> Prompt: Copy each line below that contains "IFCRELASSOCIATESMATERIAL".

···

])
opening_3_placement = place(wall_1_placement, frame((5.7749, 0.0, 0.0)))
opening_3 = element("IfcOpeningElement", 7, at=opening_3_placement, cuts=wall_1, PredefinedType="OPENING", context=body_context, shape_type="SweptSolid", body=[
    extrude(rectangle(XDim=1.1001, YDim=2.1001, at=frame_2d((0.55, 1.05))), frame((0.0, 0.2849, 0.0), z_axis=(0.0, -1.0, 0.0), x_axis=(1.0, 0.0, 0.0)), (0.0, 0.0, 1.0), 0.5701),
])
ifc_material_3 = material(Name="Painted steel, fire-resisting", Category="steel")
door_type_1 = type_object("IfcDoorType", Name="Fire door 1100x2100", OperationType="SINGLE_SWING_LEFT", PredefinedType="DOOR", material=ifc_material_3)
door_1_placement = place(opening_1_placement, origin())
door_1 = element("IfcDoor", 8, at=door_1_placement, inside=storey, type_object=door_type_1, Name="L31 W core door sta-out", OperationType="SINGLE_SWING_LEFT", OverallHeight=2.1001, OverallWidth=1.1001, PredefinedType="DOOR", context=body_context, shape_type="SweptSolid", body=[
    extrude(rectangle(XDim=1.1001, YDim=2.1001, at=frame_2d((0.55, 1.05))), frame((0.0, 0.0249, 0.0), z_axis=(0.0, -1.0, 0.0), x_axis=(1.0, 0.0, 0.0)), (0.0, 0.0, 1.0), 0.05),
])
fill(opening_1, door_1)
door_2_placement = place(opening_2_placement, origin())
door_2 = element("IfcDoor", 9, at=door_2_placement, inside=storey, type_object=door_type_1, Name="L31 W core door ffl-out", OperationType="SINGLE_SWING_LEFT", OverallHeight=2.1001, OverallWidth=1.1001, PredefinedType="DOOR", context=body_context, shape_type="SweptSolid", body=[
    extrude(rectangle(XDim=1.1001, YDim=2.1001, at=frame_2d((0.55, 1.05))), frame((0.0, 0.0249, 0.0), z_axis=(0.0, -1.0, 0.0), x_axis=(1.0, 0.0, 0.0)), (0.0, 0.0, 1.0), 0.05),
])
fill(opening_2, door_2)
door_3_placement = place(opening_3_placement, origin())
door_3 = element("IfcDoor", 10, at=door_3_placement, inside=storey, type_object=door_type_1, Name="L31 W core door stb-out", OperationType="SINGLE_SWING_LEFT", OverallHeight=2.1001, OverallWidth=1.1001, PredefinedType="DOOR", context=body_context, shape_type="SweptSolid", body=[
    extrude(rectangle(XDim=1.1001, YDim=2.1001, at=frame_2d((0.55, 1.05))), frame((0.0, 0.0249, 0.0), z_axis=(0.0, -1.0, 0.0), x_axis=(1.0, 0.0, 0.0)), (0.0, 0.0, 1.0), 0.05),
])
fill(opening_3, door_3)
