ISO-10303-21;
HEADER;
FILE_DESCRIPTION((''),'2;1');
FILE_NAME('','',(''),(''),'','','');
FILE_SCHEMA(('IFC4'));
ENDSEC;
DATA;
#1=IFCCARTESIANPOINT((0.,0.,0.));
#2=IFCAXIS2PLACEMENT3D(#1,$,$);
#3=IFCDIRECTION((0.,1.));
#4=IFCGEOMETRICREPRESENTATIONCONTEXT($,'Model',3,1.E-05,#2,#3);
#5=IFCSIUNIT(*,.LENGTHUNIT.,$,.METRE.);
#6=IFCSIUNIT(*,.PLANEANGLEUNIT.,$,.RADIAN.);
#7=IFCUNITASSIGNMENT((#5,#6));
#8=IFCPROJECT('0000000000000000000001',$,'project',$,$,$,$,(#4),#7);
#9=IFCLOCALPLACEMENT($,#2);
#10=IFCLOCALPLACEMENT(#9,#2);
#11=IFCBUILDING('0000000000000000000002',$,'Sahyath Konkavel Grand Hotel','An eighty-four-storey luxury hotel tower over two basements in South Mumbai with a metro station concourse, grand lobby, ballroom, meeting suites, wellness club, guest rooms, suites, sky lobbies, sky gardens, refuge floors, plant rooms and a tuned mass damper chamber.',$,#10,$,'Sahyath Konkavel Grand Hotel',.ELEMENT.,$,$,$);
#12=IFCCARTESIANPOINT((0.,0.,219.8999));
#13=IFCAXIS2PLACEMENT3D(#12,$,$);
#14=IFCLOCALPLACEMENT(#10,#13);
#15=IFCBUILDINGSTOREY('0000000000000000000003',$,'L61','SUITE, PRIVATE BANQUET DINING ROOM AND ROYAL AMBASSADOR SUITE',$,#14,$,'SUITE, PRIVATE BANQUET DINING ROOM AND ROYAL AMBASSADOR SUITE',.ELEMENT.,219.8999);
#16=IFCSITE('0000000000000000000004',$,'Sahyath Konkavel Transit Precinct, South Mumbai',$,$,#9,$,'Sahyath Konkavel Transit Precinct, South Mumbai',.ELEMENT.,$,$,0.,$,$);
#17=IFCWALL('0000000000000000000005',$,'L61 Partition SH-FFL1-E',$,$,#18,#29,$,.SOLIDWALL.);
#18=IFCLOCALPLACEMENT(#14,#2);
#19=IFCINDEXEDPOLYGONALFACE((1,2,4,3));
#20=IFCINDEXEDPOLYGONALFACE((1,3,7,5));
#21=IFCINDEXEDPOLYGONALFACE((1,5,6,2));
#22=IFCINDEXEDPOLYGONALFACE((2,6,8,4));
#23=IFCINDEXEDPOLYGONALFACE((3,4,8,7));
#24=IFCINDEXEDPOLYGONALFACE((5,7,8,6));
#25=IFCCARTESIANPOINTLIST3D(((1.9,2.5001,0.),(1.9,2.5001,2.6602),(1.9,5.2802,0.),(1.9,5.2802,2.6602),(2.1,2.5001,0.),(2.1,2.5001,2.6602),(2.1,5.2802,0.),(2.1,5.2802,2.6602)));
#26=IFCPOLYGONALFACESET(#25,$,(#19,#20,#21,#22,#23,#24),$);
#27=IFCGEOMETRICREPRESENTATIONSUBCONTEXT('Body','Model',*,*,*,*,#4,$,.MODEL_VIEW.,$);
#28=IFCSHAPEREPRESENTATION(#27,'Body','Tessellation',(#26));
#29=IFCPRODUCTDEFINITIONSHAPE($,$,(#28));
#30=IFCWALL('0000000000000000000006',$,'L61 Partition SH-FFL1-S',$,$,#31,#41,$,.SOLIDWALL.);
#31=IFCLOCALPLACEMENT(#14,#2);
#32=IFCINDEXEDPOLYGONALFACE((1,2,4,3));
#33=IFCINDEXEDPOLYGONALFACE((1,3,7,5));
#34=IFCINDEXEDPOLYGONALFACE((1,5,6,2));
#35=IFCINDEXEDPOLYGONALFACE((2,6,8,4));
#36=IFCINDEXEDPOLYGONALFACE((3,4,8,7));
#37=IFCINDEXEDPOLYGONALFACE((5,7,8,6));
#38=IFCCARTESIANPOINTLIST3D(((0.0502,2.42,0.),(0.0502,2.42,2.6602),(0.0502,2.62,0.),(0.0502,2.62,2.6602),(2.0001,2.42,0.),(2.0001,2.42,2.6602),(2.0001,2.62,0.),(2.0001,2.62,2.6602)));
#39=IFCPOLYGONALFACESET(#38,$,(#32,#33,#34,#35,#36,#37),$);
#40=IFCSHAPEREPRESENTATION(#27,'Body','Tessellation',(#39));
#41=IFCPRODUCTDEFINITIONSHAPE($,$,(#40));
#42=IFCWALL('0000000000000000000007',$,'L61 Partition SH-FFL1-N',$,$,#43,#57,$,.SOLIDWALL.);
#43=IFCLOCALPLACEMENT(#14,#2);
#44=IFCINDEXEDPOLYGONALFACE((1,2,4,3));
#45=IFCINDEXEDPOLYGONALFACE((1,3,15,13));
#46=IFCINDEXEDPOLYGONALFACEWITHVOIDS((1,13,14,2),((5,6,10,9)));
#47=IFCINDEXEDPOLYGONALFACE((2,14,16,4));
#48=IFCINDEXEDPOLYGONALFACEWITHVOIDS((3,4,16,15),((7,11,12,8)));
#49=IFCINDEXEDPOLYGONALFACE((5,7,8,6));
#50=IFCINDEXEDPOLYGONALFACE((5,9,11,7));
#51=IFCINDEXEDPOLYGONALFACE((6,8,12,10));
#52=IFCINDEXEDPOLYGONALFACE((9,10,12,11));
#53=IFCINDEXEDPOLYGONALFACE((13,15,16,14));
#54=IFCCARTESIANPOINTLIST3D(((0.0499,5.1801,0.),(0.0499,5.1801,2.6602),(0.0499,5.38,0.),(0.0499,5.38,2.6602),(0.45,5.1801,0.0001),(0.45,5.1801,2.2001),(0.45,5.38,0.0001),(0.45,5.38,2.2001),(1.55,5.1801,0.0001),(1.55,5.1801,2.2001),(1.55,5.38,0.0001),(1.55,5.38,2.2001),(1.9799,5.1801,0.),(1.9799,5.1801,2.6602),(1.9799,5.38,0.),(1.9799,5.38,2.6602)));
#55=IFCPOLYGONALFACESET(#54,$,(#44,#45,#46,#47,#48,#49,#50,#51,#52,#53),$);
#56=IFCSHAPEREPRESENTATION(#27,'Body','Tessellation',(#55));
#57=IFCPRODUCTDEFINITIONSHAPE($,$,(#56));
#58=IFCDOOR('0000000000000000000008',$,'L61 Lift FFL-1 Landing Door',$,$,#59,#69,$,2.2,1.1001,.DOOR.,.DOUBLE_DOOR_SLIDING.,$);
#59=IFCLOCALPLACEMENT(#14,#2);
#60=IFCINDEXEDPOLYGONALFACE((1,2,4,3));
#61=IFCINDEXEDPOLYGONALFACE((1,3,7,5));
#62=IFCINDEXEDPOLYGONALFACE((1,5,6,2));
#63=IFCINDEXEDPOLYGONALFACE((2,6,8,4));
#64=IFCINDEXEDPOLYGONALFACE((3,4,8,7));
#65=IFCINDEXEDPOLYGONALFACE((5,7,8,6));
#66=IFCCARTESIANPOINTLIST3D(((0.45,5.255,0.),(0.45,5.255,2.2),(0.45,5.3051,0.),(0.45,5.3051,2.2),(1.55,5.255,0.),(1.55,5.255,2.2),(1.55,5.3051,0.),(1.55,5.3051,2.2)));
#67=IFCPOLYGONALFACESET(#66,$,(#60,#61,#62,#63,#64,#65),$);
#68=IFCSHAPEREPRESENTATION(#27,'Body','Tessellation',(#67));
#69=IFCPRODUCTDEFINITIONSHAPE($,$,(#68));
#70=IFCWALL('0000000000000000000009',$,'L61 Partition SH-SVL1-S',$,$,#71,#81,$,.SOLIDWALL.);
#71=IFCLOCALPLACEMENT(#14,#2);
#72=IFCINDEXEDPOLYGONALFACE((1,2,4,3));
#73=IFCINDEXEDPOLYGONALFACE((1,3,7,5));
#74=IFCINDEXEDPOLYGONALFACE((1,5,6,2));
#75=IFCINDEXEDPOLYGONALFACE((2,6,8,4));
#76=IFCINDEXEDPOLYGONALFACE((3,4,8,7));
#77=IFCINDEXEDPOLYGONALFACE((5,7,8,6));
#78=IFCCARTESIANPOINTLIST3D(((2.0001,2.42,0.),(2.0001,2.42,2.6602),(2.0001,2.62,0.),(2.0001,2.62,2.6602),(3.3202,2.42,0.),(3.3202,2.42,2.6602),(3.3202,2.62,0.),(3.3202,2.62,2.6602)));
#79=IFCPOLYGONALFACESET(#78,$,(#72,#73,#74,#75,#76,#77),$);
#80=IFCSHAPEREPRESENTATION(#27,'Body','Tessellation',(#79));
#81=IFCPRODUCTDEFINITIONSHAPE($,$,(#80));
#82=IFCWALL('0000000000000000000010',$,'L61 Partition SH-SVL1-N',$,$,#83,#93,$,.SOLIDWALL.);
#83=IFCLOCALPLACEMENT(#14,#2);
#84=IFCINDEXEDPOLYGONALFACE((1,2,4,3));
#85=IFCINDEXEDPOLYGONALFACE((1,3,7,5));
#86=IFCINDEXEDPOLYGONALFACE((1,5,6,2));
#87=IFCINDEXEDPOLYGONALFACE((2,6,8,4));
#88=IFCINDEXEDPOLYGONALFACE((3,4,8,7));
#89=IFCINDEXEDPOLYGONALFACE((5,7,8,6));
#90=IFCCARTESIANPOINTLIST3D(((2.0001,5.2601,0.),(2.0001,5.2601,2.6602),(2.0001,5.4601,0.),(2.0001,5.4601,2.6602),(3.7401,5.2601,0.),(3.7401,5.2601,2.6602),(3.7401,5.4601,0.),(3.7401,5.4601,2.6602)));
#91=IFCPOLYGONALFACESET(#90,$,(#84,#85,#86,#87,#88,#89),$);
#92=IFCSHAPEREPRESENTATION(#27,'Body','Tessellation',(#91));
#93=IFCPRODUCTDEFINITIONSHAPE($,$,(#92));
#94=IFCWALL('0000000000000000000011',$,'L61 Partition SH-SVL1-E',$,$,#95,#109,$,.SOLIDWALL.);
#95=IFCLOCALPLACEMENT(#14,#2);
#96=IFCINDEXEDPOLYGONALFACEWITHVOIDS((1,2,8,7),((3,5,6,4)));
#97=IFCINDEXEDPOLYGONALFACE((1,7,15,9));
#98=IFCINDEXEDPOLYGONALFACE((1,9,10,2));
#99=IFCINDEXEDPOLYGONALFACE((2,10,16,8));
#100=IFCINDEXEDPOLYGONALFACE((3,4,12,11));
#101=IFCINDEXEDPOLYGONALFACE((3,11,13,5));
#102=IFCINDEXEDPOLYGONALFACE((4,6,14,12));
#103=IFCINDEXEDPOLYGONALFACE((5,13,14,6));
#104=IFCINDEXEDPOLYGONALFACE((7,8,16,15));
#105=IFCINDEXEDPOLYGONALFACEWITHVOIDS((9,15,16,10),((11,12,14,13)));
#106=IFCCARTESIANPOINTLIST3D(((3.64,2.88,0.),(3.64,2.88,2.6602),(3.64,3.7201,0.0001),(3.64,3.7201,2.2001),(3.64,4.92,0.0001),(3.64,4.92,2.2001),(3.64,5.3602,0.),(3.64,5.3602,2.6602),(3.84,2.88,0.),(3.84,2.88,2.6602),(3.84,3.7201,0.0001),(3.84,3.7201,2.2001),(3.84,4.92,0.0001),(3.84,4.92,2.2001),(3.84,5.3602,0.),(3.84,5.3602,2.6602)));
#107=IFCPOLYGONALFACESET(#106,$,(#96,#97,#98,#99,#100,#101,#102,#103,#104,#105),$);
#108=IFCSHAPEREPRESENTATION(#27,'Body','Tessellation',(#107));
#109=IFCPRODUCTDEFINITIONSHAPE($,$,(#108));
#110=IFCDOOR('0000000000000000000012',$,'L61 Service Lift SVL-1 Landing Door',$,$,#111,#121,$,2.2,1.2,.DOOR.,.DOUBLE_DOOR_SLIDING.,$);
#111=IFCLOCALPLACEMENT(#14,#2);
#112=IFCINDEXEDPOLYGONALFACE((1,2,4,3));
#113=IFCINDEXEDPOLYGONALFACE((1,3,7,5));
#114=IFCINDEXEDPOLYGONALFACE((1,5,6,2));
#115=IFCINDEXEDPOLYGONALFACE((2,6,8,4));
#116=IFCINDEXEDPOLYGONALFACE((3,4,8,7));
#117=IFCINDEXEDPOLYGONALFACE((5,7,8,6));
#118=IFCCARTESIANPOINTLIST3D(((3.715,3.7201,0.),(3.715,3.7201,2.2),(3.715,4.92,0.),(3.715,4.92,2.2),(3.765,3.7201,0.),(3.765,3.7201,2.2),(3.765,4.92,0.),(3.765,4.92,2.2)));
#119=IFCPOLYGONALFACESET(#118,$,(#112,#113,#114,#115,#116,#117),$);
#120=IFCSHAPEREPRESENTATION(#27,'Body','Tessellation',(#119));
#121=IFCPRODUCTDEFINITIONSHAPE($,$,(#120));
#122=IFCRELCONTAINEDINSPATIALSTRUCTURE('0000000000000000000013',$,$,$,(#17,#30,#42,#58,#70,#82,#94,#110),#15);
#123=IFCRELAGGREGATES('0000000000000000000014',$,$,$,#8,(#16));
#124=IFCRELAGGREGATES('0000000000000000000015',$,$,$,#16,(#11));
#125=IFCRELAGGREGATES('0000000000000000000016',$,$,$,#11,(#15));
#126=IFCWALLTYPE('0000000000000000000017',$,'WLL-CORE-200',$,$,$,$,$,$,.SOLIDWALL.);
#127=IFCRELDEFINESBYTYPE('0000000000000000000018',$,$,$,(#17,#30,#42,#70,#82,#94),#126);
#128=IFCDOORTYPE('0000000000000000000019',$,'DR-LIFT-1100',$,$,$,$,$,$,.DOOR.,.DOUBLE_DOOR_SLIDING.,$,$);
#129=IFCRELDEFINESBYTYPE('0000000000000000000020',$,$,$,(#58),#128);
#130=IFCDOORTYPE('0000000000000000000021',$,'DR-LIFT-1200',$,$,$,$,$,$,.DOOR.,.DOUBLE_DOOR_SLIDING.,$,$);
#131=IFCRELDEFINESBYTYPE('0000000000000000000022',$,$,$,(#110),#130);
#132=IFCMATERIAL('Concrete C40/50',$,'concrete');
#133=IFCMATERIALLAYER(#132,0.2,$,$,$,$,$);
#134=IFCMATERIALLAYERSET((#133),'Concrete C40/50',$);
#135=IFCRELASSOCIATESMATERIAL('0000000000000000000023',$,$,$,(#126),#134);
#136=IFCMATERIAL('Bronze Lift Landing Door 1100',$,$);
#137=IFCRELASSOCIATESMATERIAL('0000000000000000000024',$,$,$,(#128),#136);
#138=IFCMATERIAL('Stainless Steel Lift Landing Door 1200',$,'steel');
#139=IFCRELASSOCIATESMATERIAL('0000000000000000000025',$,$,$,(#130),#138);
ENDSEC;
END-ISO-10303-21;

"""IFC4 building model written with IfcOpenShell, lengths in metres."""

from ifc_helpers import new_model, si_unit, direction, frame, frame_2d, origin, origin_2d, place, context, subcontext, project, spatial, rectangle, extrude, source, transform, mapped, material, layer, layer_set, type_object, element, fill, save


model = new_model("IFC4")

# Units and contexts
model_context = context("Model", 3, precision=1e-05, world=origin(), true_north=direction((0.0, 1.0)))
body_context = subcontext(model_context, "Body", "Model", "MODEL_VIEW")
ifc_project = project(units=[si_unit("LENGTHUNIT", "METRE"), si_unit("PLANEANGLEUNIT", "RADIAN")], contexts=[model_context])

# Site, building, storey
site_placement = place(None, origin())
site = spatial("IfcSite", under=ifc_project, at=site_placement, Name="Sahyath Konkavel Transit Precinct, South Mumbai", LongName="Sahyath Konkavel Transit Precinct, South Mumbai", CompositionType="ELEMENT", RefElevation=0.0)
building_placement = place(site_placement, origin())
building = spatial("IfcBuilding", under=site, at=building_placement, Name="Sahyath Konkavel Grand Hotel", Description="An eighty-four-storey luxury hotel tower over two basements in South Mumbai with a metro station concourse, grand lobby, ballroom, meeting suites, wellness club, guest rooms, suites, sky lobbies, sky gardens, refuge floors, plant rooms and a tuned mass damper chamber.", LongName="Sahyath Konkavel Grand Hotel", CompositionType="ELEMENT")
storey_placement = place(building_placement, frame((0.0, 0.0, 219.8999)))
storey = spatial("IfcBuildingStorey", under=building, at=storey_placement, Name="L61", Description="SUITE, PRIVATE BANQUET DINING ROOM AND ROYAL AMBASSADOR SUITE", LongName="SUITE, PRIVATE BANQUET DINING ROOM AND ROYAL AMBASSADOR SUITE", CompositionType="ELEMENT", Elevation=219.8999)

# Shared definitions
ifc_material_1 = material(Name="Concrete C40/50", Category="concrete")
ifc_layer = layer(ifc_material_1, 0.2)
ifc_layer_set = layer_set([ifc_layer], Name="Concrete C40/50")
wall_type = type_object("IfcWallType", Name="WLL-CORE-200", PredefinedType="SOLIDWALL", material=ifc_layer_set)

···

> Answer to the problem:
#135=IFCRELASSOCIATESMATERIAL('0000000000000000000023',$,$,$,(#126),#134);
#137=IFCRELASSOCIATESMATERIAL('0000000000000000000024',$,$,$,(#128),#136);
#139=IFCRELASSOCIATESMATERIAL('0000000000000000000025',$,$,$,(#130),#138);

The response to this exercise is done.